Extracted records:
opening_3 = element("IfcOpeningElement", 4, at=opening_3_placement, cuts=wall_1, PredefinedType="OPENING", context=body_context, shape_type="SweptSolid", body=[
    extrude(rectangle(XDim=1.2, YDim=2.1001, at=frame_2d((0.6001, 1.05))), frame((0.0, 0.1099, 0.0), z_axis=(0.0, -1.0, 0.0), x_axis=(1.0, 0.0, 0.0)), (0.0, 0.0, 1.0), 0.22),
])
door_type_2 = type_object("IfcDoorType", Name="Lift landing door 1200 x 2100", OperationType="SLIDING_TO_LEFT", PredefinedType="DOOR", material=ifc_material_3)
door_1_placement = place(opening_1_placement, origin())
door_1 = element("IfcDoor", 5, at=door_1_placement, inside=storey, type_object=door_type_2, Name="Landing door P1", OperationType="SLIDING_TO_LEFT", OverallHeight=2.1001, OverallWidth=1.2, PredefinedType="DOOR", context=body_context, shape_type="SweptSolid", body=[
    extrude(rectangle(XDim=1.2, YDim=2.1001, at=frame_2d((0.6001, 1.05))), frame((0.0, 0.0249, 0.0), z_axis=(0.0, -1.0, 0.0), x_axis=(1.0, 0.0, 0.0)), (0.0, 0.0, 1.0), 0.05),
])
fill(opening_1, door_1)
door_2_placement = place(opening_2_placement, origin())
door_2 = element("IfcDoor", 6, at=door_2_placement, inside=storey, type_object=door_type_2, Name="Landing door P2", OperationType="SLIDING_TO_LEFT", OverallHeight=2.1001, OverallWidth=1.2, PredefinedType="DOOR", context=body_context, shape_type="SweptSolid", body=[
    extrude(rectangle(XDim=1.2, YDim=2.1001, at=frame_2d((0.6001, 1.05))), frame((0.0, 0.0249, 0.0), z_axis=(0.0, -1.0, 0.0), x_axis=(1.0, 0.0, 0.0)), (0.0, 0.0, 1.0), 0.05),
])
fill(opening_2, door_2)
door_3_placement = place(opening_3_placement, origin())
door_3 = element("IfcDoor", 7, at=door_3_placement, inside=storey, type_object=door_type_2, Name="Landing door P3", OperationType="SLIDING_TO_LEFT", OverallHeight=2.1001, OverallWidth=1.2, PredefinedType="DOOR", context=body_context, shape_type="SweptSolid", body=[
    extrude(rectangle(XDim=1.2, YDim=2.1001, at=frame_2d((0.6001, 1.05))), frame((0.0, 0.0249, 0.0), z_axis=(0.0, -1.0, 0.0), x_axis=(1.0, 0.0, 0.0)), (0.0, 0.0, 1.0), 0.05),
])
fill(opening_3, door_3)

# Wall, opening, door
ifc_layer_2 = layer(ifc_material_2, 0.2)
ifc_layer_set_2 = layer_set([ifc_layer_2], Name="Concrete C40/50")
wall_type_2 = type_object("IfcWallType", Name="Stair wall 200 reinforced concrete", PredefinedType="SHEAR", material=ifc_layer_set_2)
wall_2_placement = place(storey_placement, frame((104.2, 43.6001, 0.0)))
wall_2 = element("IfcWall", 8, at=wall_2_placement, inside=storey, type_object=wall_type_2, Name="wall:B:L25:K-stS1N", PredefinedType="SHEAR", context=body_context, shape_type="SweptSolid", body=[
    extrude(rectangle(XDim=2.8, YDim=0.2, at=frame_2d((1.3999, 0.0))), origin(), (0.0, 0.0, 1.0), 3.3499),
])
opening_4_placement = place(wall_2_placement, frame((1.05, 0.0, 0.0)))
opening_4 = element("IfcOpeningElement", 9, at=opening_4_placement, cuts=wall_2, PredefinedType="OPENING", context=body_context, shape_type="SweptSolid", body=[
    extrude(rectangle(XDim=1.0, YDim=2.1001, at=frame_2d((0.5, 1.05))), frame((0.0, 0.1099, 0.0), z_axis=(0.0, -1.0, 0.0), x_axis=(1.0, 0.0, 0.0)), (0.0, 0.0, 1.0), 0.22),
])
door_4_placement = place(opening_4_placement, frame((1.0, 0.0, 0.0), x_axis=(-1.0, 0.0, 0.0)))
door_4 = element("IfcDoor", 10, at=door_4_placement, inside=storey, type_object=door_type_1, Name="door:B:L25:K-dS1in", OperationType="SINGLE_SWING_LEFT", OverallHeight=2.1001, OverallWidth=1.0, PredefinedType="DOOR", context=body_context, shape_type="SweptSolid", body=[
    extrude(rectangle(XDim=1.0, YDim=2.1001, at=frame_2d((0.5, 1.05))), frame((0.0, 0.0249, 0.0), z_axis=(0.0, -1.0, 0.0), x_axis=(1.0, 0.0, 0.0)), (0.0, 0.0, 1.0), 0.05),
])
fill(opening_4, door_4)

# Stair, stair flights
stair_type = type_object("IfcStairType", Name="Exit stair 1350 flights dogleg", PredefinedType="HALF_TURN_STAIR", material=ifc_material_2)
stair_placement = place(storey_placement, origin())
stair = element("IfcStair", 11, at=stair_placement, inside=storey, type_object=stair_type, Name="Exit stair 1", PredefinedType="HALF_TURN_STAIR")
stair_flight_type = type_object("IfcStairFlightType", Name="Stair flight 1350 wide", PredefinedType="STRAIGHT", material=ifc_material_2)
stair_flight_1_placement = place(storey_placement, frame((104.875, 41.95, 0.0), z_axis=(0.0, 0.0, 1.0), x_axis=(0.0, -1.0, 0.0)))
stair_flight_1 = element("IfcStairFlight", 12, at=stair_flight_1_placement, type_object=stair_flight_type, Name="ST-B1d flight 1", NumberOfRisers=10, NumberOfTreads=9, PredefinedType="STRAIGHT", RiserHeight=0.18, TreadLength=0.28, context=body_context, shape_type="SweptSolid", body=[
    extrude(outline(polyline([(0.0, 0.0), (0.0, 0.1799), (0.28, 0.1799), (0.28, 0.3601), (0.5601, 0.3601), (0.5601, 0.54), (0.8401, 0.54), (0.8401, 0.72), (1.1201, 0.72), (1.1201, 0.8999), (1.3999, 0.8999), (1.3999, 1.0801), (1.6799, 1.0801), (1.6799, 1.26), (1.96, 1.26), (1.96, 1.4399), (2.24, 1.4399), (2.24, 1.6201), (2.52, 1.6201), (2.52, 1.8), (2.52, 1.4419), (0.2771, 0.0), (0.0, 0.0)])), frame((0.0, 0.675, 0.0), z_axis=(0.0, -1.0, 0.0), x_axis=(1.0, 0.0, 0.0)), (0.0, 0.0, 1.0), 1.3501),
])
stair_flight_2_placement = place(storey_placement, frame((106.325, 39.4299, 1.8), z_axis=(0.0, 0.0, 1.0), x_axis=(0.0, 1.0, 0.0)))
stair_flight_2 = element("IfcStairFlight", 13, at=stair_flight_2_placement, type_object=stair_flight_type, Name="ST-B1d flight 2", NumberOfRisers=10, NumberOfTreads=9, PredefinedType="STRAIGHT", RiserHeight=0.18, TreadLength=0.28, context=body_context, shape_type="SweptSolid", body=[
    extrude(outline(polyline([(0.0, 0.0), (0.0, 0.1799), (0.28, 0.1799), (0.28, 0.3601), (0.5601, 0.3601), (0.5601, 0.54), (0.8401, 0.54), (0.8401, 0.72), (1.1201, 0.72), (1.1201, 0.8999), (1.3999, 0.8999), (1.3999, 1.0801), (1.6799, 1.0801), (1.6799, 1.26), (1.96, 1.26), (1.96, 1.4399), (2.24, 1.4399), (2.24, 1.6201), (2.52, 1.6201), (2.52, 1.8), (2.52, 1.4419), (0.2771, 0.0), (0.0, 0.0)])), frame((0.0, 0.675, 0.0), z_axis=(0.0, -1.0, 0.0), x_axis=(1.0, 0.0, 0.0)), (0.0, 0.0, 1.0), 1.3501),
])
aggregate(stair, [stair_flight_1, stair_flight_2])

---

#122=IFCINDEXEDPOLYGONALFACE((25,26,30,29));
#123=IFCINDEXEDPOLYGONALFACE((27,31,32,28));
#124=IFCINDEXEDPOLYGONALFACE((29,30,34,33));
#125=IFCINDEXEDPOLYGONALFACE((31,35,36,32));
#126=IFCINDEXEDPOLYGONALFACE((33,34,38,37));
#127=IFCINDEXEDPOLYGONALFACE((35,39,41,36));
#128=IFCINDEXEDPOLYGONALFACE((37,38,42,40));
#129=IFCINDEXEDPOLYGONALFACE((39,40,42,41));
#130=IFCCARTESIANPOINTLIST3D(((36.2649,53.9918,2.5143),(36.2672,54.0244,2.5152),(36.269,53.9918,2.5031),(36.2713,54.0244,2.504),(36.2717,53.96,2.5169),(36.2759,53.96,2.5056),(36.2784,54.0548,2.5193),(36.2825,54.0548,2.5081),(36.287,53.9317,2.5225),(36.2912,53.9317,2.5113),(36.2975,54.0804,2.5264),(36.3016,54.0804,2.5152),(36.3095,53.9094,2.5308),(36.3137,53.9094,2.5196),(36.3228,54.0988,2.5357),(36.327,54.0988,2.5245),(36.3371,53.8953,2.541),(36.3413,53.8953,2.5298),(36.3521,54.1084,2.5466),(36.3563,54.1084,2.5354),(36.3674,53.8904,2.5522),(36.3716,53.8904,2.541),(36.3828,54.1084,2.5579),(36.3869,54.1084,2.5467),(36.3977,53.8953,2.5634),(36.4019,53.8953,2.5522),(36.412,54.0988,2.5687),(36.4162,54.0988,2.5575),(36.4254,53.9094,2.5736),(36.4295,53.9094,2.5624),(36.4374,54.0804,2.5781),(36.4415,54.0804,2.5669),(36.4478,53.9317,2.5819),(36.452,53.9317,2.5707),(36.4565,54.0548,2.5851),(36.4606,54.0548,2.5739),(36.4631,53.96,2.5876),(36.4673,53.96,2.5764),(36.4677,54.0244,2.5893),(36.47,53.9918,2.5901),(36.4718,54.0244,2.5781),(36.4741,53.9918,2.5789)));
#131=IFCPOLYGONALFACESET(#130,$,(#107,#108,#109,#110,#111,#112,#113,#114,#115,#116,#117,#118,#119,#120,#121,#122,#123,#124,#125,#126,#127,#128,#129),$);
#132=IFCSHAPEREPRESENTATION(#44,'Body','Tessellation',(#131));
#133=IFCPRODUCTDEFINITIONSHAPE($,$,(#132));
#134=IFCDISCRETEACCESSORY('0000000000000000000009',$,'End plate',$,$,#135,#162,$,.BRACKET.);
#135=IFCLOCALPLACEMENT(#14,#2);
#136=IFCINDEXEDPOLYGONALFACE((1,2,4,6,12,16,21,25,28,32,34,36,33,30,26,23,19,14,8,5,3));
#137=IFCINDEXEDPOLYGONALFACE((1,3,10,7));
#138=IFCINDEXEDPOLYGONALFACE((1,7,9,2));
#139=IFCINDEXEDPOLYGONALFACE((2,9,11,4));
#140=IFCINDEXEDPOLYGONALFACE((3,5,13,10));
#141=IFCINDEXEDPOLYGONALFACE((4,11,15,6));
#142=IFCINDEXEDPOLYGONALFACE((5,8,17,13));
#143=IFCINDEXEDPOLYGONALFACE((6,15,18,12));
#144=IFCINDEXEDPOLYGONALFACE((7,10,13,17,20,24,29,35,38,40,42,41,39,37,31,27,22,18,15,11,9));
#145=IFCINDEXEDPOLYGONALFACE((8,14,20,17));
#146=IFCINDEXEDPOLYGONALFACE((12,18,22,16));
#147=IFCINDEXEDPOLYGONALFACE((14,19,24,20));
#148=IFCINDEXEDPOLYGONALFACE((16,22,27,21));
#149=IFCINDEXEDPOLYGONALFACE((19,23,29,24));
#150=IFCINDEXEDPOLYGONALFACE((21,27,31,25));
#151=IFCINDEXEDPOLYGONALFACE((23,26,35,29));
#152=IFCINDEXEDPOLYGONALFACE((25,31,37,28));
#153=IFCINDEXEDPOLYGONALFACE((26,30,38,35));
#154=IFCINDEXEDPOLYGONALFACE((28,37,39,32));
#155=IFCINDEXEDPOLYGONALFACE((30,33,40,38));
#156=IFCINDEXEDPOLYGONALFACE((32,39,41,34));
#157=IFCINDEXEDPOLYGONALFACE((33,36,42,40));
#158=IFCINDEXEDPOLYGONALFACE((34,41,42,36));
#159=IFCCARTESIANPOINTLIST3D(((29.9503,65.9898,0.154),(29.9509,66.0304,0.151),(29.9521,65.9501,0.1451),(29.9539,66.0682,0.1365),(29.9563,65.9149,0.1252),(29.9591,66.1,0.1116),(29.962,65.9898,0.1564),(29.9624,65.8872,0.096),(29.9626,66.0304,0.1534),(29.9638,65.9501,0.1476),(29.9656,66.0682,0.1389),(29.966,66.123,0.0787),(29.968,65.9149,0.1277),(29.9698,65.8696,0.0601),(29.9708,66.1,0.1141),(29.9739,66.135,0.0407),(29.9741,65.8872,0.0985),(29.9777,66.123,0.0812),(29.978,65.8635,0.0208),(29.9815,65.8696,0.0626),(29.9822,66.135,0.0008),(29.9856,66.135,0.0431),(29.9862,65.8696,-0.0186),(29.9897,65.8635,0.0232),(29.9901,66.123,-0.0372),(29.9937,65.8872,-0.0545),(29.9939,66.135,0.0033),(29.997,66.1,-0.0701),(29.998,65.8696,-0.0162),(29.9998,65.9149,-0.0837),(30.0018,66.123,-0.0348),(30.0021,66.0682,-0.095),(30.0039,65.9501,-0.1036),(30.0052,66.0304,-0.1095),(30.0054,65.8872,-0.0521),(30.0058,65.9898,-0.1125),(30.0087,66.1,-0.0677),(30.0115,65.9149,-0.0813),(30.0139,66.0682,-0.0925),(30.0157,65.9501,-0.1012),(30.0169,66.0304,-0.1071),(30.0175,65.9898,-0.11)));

---

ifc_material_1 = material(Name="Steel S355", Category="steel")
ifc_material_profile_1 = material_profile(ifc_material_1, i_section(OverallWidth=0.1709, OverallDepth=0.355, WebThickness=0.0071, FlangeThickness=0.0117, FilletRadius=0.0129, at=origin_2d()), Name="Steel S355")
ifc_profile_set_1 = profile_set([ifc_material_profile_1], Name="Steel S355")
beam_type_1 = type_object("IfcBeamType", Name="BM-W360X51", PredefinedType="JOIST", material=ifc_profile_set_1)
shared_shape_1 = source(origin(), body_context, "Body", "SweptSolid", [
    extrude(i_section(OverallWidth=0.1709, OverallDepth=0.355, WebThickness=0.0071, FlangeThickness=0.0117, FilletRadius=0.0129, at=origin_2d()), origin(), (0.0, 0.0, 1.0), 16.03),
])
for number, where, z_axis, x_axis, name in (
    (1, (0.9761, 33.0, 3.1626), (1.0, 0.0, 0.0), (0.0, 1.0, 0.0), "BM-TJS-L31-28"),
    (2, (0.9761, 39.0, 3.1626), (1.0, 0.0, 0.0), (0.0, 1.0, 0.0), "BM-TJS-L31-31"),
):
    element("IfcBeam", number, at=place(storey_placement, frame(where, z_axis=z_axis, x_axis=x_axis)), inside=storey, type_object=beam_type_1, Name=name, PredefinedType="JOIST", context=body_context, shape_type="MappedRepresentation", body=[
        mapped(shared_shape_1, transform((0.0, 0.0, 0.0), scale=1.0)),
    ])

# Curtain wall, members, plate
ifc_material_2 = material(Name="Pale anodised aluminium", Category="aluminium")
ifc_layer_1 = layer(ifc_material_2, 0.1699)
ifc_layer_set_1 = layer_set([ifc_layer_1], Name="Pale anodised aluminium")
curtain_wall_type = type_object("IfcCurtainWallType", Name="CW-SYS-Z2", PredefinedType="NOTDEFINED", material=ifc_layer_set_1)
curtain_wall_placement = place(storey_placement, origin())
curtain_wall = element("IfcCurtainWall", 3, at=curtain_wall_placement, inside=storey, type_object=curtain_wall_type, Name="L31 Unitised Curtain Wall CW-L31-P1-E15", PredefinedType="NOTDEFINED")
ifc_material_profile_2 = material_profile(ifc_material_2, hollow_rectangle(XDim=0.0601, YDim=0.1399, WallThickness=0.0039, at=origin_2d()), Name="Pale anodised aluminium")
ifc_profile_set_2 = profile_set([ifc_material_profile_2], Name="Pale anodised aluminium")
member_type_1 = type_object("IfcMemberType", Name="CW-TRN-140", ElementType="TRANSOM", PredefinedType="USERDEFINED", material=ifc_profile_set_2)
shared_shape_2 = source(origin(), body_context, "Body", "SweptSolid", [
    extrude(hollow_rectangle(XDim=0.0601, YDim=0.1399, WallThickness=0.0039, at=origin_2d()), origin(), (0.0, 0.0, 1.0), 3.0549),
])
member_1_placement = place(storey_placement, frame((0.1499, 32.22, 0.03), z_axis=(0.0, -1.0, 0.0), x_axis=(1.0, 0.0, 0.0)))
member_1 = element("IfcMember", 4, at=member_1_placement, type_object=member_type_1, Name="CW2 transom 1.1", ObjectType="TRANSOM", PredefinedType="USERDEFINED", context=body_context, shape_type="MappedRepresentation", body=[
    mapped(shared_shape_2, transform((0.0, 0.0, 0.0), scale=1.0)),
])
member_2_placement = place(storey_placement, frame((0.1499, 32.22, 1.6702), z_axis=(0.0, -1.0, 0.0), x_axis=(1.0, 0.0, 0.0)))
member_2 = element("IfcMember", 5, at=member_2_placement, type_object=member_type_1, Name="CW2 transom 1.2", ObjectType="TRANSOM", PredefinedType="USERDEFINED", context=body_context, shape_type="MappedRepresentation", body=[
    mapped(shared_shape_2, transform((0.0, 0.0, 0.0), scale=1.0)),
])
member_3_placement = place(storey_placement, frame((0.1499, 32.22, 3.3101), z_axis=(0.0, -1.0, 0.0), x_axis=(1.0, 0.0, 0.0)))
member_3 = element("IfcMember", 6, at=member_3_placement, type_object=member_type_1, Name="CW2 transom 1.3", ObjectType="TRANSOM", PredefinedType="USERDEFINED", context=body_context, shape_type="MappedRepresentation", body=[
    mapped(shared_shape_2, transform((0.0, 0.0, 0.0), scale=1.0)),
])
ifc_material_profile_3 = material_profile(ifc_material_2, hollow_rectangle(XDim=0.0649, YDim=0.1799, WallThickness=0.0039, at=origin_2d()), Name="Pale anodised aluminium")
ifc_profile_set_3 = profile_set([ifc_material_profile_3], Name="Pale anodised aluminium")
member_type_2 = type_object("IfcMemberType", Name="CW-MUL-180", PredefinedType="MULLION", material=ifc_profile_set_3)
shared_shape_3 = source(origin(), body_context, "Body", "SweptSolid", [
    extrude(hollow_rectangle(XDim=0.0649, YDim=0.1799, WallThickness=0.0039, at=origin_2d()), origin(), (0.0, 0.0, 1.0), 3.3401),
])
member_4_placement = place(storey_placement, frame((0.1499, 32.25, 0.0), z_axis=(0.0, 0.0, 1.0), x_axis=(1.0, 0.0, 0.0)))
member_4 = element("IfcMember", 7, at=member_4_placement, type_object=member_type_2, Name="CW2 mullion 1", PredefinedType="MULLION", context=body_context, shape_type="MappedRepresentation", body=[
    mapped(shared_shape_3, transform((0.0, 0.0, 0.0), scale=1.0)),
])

◆ **EXERCISE DESCRIPTION**: Give back the records above exactly, limited to the lines between the one holding "#154=IFCINDEXEDPOLYGONALFACE((28,37,39,32));" and the one holding "#158=IFCINDEXEDPOLYGONALFACE((34,41,42,36));", inclusive.

◆ **RESPONSE TO THE EXERCISE**:
#154=IFCINDEXEDPOLYGONALFACE((28,37,39,32));
#155=IFCINDEXEDPOLYGONALFACE((30,33,40,38));
#156=IFCINDEXEDPOLYGONALFACE((32,39,41,34));
#157=IFCINDEXEDPOLYGONALFACE((33,36,42,40));
#158=IFCINDEXEDPOLYGONALFACE((34,41,42,36));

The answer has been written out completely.